ACTION ITEM
Return the following from the records below: each line, word for word, starting with the line that contains "#39=IFCPOLYGONALFACESET(#38,$,(#32,#33,#34,#35,#36,#37),$);" and going on through the line that contains "#43=IFCRELAGGREGATES('0000000000000000000008',$,$,$,#8,(#16));", with nothing outside that range.

DATA RECORDS
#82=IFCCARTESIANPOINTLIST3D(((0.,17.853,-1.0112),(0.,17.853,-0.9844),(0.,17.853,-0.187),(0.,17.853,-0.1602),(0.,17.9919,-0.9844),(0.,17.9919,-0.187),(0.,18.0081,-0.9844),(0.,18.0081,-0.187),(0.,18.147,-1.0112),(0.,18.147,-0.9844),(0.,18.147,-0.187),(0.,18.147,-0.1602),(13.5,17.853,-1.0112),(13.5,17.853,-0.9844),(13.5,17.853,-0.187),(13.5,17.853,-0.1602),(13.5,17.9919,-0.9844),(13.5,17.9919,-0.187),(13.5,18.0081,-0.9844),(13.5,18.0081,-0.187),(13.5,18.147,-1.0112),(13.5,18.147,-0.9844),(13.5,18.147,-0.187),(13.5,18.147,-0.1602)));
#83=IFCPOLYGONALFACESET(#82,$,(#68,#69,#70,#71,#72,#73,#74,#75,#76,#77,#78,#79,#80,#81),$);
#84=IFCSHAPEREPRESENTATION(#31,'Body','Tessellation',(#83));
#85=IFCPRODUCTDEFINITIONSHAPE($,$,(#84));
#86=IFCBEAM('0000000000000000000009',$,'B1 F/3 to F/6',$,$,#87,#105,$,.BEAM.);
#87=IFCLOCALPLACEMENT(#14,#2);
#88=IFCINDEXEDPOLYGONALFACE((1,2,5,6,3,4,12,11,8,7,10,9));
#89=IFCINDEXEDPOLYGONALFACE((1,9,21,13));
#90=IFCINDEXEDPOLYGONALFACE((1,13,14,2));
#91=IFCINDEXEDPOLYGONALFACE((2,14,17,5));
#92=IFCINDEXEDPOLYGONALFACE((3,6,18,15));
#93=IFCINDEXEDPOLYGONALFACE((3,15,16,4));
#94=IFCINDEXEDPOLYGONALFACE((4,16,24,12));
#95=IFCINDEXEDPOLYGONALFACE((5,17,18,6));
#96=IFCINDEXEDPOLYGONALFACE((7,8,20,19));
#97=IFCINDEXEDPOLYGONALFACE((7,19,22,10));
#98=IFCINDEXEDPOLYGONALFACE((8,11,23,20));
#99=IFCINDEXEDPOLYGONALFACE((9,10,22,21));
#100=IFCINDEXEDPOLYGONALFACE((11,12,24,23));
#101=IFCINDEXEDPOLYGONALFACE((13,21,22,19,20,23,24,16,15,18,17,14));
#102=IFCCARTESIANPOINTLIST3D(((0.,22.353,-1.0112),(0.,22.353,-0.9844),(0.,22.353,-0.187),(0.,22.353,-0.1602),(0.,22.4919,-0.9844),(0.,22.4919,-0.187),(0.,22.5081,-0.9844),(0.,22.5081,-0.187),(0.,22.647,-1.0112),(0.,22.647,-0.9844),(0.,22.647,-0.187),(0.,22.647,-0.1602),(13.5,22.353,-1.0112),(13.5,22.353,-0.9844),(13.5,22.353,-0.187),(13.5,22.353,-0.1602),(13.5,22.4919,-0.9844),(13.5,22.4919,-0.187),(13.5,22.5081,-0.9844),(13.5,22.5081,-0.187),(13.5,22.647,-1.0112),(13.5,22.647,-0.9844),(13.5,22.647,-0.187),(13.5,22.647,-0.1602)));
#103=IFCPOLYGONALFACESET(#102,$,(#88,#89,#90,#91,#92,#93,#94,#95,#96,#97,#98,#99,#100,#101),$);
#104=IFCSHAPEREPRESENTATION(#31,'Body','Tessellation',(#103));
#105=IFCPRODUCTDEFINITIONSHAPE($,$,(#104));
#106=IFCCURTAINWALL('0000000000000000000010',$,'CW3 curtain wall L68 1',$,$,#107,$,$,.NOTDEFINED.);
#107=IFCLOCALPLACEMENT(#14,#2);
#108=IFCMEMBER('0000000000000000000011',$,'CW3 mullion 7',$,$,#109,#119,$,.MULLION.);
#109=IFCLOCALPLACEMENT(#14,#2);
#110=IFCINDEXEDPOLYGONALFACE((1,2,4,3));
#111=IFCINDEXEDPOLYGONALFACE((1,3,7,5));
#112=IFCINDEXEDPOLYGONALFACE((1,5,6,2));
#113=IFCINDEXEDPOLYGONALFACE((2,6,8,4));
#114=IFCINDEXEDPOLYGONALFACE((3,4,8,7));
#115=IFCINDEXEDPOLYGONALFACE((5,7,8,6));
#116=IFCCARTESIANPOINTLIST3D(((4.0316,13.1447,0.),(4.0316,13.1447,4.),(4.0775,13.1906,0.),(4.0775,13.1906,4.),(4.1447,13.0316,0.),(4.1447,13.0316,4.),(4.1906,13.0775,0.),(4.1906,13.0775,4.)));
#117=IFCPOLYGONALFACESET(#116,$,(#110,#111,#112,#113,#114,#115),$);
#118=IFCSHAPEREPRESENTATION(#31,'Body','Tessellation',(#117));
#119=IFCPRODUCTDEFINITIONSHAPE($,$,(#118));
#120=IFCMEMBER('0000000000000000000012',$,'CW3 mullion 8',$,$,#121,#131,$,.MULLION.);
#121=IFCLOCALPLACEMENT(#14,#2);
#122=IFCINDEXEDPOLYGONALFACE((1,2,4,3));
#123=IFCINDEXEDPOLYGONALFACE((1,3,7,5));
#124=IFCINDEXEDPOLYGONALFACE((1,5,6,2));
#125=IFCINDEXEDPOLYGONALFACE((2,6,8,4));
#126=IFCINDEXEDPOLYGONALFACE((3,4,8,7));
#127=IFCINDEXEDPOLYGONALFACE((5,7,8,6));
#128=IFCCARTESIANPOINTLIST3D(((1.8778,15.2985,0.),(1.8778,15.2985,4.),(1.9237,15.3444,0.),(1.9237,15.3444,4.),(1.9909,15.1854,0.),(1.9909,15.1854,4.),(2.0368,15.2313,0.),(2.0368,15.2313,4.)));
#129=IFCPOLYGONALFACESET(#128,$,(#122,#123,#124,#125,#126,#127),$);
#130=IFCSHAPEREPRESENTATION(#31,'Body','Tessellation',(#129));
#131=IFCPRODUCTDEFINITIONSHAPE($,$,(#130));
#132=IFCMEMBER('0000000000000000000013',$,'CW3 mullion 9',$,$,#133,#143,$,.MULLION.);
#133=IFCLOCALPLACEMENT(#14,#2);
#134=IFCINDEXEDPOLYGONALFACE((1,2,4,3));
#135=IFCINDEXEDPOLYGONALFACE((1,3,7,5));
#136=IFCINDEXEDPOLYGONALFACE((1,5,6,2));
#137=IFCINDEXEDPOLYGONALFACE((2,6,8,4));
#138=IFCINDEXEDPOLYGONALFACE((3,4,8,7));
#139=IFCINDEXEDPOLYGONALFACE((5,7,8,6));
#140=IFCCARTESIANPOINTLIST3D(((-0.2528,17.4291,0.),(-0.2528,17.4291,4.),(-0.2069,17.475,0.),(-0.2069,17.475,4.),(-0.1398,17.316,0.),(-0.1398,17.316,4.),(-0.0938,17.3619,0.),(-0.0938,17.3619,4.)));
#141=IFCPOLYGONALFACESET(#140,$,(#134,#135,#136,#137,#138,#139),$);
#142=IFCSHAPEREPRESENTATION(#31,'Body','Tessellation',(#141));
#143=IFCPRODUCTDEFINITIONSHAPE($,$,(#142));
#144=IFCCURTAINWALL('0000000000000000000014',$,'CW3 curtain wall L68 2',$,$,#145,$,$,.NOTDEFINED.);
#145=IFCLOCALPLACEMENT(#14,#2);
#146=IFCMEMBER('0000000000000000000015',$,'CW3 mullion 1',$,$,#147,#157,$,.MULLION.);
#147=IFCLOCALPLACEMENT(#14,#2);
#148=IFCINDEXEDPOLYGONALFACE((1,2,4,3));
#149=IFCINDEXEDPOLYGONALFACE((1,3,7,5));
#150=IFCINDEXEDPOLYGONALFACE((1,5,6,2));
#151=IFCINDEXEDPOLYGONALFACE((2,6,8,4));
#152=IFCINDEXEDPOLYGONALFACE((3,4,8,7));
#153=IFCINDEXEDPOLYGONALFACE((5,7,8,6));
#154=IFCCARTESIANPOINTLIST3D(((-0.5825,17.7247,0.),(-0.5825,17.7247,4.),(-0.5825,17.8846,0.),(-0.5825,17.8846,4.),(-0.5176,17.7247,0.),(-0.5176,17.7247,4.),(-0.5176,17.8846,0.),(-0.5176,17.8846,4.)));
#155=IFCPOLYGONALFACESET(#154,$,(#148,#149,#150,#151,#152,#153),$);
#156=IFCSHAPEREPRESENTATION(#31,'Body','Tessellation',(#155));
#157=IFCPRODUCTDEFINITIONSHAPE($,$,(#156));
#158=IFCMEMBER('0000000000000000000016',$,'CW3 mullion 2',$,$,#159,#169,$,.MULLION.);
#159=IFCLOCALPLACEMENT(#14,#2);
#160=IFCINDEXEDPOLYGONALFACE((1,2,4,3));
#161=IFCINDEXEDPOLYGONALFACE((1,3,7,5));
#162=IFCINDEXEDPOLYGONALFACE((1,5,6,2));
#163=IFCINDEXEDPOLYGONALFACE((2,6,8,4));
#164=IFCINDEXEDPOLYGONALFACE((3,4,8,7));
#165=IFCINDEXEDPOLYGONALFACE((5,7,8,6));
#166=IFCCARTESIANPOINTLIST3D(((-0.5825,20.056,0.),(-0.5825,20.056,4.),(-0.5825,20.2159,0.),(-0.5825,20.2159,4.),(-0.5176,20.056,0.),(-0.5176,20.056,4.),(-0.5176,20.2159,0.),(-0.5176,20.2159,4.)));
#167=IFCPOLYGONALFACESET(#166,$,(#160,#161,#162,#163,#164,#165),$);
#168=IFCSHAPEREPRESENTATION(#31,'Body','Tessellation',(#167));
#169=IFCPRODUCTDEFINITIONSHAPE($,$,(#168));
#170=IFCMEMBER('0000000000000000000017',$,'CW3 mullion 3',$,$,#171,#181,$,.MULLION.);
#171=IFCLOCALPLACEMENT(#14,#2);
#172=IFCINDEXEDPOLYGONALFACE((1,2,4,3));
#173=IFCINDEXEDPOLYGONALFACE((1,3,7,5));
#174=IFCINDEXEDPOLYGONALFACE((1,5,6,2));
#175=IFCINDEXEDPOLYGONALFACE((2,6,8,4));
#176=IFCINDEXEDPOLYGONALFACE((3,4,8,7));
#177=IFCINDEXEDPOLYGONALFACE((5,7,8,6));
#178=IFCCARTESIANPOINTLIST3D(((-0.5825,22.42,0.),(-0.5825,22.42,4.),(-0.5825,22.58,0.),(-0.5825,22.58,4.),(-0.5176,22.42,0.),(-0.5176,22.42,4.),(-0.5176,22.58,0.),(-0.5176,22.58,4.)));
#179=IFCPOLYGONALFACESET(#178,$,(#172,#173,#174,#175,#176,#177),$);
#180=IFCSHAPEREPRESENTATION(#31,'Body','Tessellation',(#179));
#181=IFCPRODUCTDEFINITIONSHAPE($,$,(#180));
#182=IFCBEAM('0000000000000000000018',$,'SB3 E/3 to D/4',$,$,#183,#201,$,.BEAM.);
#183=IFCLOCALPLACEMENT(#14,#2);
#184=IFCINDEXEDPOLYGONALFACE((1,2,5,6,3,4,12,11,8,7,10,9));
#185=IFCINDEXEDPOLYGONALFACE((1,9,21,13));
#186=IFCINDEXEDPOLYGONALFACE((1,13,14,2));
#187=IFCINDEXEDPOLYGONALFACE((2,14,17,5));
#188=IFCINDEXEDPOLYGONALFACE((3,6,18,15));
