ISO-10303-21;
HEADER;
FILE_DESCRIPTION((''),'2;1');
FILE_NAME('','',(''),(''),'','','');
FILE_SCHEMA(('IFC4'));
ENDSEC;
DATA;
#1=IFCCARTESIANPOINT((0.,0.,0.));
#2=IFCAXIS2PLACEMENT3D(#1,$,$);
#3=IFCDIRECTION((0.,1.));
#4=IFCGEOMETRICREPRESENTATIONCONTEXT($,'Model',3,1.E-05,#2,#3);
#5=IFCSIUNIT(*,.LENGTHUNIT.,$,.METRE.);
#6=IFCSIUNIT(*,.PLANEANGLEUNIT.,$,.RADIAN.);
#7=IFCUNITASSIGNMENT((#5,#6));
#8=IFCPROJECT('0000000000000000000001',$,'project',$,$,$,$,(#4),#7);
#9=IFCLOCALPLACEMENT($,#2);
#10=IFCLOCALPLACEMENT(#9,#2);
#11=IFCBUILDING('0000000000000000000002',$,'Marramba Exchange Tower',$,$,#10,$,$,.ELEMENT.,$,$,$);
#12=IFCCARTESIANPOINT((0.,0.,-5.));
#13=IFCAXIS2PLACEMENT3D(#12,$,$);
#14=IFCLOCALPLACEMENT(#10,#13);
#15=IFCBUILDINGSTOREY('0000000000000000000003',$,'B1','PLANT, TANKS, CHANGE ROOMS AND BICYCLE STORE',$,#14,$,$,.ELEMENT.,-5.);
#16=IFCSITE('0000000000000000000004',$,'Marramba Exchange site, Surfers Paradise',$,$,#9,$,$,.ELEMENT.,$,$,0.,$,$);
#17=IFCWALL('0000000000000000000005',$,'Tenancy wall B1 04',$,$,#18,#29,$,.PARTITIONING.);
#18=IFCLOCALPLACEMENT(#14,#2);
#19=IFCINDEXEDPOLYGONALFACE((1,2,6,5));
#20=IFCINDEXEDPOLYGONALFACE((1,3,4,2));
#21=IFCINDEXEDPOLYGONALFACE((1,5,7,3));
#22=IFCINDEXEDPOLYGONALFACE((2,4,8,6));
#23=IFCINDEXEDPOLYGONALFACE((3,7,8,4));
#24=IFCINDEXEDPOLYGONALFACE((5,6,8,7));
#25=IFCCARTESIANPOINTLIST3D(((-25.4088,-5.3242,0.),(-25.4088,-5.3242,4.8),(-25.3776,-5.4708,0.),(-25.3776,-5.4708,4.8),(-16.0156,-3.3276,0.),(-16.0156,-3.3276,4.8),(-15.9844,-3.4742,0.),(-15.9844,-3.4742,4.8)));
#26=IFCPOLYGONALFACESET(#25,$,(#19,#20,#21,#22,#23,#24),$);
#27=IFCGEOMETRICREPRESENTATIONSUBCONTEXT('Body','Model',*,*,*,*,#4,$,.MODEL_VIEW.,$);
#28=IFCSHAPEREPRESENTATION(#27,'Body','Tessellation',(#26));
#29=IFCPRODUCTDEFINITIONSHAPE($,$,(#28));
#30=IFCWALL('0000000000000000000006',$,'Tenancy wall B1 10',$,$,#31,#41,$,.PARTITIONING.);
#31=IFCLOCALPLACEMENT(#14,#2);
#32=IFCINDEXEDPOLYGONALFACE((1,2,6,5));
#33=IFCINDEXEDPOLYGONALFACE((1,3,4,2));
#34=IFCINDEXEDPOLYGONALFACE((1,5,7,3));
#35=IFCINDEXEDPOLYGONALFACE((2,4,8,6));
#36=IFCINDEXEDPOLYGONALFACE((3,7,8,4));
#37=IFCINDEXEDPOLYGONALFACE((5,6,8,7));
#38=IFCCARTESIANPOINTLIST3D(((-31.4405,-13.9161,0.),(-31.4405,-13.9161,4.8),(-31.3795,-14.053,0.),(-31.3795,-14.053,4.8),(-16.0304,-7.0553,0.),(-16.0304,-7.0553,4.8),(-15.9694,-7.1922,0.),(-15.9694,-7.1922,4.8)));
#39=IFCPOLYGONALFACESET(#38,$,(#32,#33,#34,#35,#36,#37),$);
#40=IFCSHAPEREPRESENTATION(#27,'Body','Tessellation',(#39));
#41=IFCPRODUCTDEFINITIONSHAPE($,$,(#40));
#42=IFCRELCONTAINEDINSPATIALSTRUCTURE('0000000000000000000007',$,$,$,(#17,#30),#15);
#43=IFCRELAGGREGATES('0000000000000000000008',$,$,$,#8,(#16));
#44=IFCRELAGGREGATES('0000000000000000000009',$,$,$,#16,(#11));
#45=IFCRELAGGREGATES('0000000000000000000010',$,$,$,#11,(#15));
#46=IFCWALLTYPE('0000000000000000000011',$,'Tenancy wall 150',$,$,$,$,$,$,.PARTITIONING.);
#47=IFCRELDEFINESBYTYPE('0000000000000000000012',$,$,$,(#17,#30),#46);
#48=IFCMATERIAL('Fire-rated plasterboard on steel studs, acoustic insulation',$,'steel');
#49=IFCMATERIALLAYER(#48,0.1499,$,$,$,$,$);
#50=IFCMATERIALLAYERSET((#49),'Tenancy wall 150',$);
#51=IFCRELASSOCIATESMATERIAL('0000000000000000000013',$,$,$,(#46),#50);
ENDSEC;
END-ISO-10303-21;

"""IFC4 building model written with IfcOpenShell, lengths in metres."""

from ifc_helpers import new_model, si_unit, direction, frame, frame_2d, origin, place, context, subcontext, project, spatial, rectangle, extrude, material, layer, layer_set, type_object, element, save


model = new_model("IFC4")

# Units and contexts
model_context = context("Model", 3, precision=1e-05, world=origin(), true_north=direction((0.0, 1.0)))
body_context = subcontext(model_context, "Body", "Model", "MODEL_VIEW")
ifc_project = project(units=[si_unit("LENGTHUNIT", "METRE"), si_unit("PLANEANGLEUNIT", "RADIAN")], contexts=[model_context])

# Site, building, storey
site_placement = place(None, origin())
site = spatial("IfcSite", under=ifc_project, at=site_placement, Name="Marramba Exchange site, Surfers Paradise", CompositionType="ELEMENT", RefElevation=0.0)
building_placement = place(site_placement, origin())
building = spatial("IfcBuilding", under=site, at=building_placement, Name="Marramba Exchange Tower", CompositionType="ELEMENT")
storey_placement = place(building_placement, frame((0.0, 0.0, -5.0)))
storey = spatial("IfcBuildingStorey", under=building, at=storey_placement, Name="B1", Description="PLANT, TANKS, CHANGE ROOMS AND BICYCLE STORE", CompositionType="ELEMENT", Elevation=-5.0)

# Walls
ifc_material_1 = material(Name="Fire-rated plasterboard on steel studs, acoustic insulation", Category="steel")
ifc_layer_1 = layer(ifc_material_1, 0.1499)
ifc_layer_set_1 = layer_set([ifc_layer_1], Name="Tenancy wall 150")
wall_type_1 = type_object("IfcWallType", Name="Tenancy wall 150", PredefinedType="PARTITIONING", material=ifc_layer_set_1)
wall_1_placement = place(storey_placement, frame((-16.0, -3.4009, 0.0), z_axis=(0.0, 0.0, 1.0), x_axis=(-0.978147, -0.207914, 0.0)))
element("IfcWall", 1, at=wall_1_placement, inside=storey, type_object=wall_type_1, Name="Tenancy wall B1 04", PredefinedType="PARTITIONING", context=body_context, shape_type="SweptSolid", body=[
    extrude(rectangle(XDim=9.603, YDim=0.1499, at=frame_2d((4.8015, 0.0))), origin(), (0.0, 0.0, 1.0), 4.8),
])
wall_2_placement = place(storey_placement, frame((-16.0, -7.1238, 0.0), z_axis=(0.0, 0.0, 1.0), x_axis=(-0.91355, -0.406727, 0.0)))
element("IfcWall", 2, at=wall_2_placement, inside=storey, type_object=wall_type_1, Name="Tenancy wall B1 10", PredefinedType="PARTITIONING", context=body_context, shape_type="SweptSolid", body=[
    extrude(rectangle(XDim=16.8684, YDim=0.1499, at=frame_2d((8.4341, 0.0))), origin(), (0.0, 0.0, 1.0), 4.8),
])

save(model, "model.ifc")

THE COMPLETED TASK
#39=IFCPOLYGONALFACESET(#38,$,(#32,#33,#34,#35,#36,#37),$);
#40=IFCSHAPEREPRESENTATION(#27,'Body','Tessellation',(#39));
#41=IFCPRODUCTDEFINITIONSHAPE($,$,(#40));
#42=IFCRELCONTAINEDINSPATIALSTRUCTURE('0000000000000000000007',$,$,$,(#17,#30),#15);
#43=IFCRELAGGREGATES('0000000000000000000008',$,$,$,#8,(#16));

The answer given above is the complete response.